▶ WHAT YOU WILL DO: Each line below has to be set down again exactly.

▶ SUPPLIED MATERIAL:
_____

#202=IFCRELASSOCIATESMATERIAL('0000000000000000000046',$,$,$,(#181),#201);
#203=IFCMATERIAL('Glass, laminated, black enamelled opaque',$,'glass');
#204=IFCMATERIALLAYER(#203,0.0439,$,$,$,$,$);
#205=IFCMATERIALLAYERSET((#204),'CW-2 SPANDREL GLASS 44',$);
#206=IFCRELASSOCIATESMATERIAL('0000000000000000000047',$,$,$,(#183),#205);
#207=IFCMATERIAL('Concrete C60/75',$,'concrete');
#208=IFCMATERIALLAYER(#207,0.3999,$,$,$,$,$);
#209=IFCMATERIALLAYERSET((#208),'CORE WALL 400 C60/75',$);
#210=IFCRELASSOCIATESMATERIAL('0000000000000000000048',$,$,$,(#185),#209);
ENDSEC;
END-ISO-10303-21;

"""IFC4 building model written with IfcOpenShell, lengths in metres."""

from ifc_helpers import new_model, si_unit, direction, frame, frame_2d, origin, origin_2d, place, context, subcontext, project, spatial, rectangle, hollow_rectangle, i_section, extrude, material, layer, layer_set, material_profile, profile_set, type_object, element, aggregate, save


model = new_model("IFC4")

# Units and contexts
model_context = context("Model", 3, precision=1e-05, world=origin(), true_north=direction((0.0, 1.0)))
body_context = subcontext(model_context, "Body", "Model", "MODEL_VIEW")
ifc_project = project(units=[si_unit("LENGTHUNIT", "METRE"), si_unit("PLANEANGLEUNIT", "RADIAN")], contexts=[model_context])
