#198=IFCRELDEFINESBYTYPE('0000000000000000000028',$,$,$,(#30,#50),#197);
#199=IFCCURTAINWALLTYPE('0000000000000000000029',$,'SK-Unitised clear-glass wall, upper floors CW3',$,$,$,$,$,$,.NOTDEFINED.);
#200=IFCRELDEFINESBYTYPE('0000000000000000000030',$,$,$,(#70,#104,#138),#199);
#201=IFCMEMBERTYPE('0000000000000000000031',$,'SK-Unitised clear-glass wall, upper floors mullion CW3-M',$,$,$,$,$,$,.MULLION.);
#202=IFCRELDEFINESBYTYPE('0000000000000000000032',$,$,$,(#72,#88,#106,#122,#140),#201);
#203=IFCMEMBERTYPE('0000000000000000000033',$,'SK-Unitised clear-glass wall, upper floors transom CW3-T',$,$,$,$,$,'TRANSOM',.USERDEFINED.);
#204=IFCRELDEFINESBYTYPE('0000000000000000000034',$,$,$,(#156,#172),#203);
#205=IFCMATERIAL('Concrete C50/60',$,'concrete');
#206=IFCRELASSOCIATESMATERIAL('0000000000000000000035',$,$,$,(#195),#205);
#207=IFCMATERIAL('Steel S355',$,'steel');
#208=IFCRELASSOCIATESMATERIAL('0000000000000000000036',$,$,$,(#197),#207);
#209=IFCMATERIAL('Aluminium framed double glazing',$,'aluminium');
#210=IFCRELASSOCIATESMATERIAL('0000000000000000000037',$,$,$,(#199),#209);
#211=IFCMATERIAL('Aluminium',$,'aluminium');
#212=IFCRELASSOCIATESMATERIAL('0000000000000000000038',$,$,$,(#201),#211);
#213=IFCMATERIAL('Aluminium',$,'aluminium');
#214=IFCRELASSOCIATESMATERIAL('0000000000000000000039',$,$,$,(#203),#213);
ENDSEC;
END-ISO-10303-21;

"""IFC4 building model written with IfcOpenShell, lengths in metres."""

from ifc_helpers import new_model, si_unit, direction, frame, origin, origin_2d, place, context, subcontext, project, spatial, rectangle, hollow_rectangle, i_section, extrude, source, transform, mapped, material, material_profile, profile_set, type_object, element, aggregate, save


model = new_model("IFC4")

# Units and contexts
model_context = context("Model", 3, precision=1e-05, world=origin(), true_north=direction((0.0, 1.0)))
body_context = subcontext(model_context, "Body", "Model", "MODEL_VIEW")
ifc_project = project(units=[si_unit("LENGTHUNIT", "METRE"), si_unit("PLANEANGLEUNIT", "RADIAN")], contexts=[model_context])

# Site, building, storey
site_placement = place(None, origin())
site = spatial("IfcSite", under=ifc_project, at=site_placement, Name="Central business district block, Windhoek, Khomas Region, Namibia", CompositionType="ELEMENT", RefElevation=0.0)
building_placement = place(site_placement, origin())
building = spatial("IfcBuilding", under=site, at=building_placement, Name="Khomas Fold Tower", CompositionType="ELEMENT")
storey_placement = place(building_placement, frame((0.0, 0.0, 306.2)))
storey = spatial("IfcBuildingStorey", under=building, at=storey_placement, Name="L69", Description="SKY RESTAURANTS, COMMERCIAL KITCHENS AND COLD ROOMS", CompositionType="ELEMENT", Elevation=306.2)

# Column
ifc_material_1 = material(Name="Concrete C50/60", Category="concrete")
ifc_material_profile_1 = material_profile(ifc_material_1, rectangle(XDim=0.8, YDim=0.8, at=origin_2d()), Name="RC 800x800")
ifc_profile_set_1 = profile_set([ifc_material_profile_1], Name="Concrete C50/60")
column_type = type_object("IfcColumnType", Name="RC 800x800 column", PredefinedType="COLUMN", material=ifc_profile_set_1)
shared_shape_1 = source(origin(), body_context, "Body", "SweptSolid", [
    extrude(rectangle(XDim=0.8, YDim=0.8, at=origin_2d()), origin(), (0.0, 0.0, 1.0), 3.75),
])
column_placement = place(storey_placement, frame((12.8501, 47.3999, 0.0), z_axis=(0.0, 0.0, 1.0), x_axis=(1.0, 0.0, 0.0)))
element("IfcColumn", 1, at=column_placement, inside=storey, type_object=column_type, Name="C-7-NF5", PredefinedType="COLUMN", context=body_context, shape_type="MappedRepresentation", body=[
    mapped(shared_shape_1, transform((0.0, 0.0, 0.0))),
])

_____

▶ ANSWER FOR THE TASK:
#202=IFCRELASSOCIATESMATERIAL('0000000000000000000046',$,$,$,(#181),#201);
#203=IFCMATERIAL('Glass, laminated, black enamelled opaque',$,'glass');
#204=IFCMATERIALLAYER(#203,0.0439,$,$,$,$,$);
#205=IFCMATERIALLAYERSET((#204),'CW-2 SPANDREL GLASS 44',$);
#206=IFCRELASSOCIATESMATERIAL('0000000000000000000047',$,$,$,(#183),#205);
#207=IFCMATERIAL('Concrete C60/75',$,'concrete');
#208=IFCMATERIALLAYER(#207,0.3999,$,$,$,$,$);
#209=IFCMATERIALLAYERSET((#208),'CORE WALL 400 C60/75',$);
#210=IFCRELASSOCIATESMATERIAL('0000000000000000000048',$,$,$,(#185),#209);
ENDSEC;
END-ISO-10303-21;

"""IFC4 building model written with IfcOpenShell, lengths in metres."""

from ifc_helpers import new_model, si_unit, direction, frame, frame_2d, origin, origin_2d, place, context, subcontext, project, spatial, rectangle, hollow_rectangle, i_section, extrude, material, layer, layer_set, material_profile, profile_set, type_object, element, aggregate, save


model = new_model("IFC4")

# Units and contexts
model_context = context("Model", 3, precision=1e-05, world=origin(), true_north=direction((0.0, 1.0)))
body_context = subcontext(model_context, "Body", "Model", "MODEL_VIEW")
ifc_project = project(units=[si_unit("LENGTHUNIT", "METRE"), si_unit("PLANEANGLEUNIT", "RADIAN")], contexts=[model_context])
#198=IFCRELDEFINESBYTYPE('0000000000000000000028',$,$,$,(#30,#50),#197);
#199=IFCCURTAINWALLTYPE('0000000000000000000029',$,'SK-Unitised clear-glass wall, upper floors CW3',$,$,$,$,$,$,.NOTDEFINED.);
#200=IFCRELDEFINESBYTYPE('0000000000000000000030',$,$,$,(#70,#104,#138),#199);
#201=IFCMEMBERTYPE('0000000000000000000031',$,'SK-Unitised clear-glass wall, upper floors mullion CW3-M',$,$,$,$,$,$,.MULLION.);
#202=IFCRELDEFINESBYTYPE('0000000000000000000032',$,$,$,(#72,#88,#106,#122,#140),#201);
#203=IFCMEMBERTYPE('0000000000000000000033',$,'SK-Unitised clear-glass wall, upper floors transom CW3-T',$,$,$,$,$,'TRANSOM',.USERDEFINED.);
#204=IFCRELDEFINESBYTYPE('0000000000000000000034',$,$,$,(#156,#172),#203);
#205=IFCMATERIAL('Concrete C50/60',$,'concrete');
#206=IFCRELASSOCIATESMATERIAL('0000000000000000000035',$,$,$,(#195),#205);
#207=IFCMATERIAL('Steel S355',$,'steel');
#208=IFCRELASSOCIATESMATERIAL('0000000000000000000036',$,$,$,(#197),#207);
#209=IFCMATERIAL('Aluminium framed double glazing',$,'aluminium');
#210=IFCRELASSOCIATESMATERIAL('0000000000000000000037',$,$,$,(#199),#209);
#211=IFCMATERIAL('Aluminium',$,'aluminium');
#212=IFCRELASSOCIATESMATERIAL('0000000000000000000038',$,$,$,(#201),#211);
#213=IFCMATERIAL('Aluminium',$,'aluminium');
#214=IFCRELASSOCIATESMATERIAL('0000000000000000000039',$,$,$,(#203),#213);
ENDSEC;
END-ISO-10303-21;

"""IFC4 building model written with IfcOpenShell, lengths in metres."""

from ifc_helpers import new_model, si_unit, direction, frame, origin, origin_2d, place, context, subcontext, project, spatial, rectangle, hollow_rectangle, i_section, extrude, source, transform, mapped, material, material_profile, profile_set, type_object, element, aggregate, save


model = new_model("IFC4")

# Units and contexts
model_context = context("Model", 3, precision=1e-05, world=origin(), true_north=direction((0.0, 1.0)))
body_context = subcontext(model_context, "Body", "Model", "MODEL_VIEW")
ifc_project = project(units=[si_unit("LENGTHUNIT", "METRE"), si_unit("PLANEANGLEUNIT", "RADIAN")], contexts=[model_context])

# Site, building, storey
site_placement = place(None, origin())
site = spatial("IfcSite", under=ifc_project, at=site_placement, Name="Central business district block, Windhoek, Khomas Region, Namibia", CompositionType="ELEMENT", RefElevation=0.0)
building_placement = place(site_placement, origin())
building = spatial("IfcBuilding", under=site, at=building_placement, Name="Khomas Fold Tower", CompositionType="ELEMENT")
storey_placement = place(building_placement, frame((0.0, 0.0, 306.2)))
storey = spatial("IfcBuildingStorey", under=building, at=storey_placement, Name="L69", Description="SKY RESTAURANTS, COMMERCIAL KITCHENS AND COLD ROOMS", CompositionType="ELEMENT", Elevation=306.2)

# Column
ifc_material_1 = material(Name="Concrete C50/60", Category="concrete")
ifc_material_profile_1 = material_profile(ifc_material_1, rectangle(XDim=0.8, YDim=0.8, at=origin_2d()), Name="RC 800x800")
ifc_profile_set_1 = profile_set([ifc_material_profile_1], Name="Concrete C50/60")
column_type = type_object("IfcColumnType", Name="RC 800x800 column", PredefinedType="COLUMN", material=ifc_profile_set_1)
shared_shape_1 = source(origin(), body_context, "Body", "SweptSolid", [
    extrude(rectangle(XDim=0.8, YDim=0.8, at=origin_2d()), origin(), (0.0, 0.0, 1.0), 3.75),
])
column_placement = place(storey_placement, frame((12.8501, 47.3999, 0.0), z_axis=(0.0, 0.0, 1.0), x_axis=(1.0, 0.0, 0.0)))
element("IfcColumn", 1, at=column_placement, inside=storey, type_object=column_type, Name="C-7-NF5", PredefinedType="COLUMN", context=body_context, shape_type="MappedRepresentation", body=[
    mapped(shared_shape_1, transform((0.0, 0.0, 0.0))),
])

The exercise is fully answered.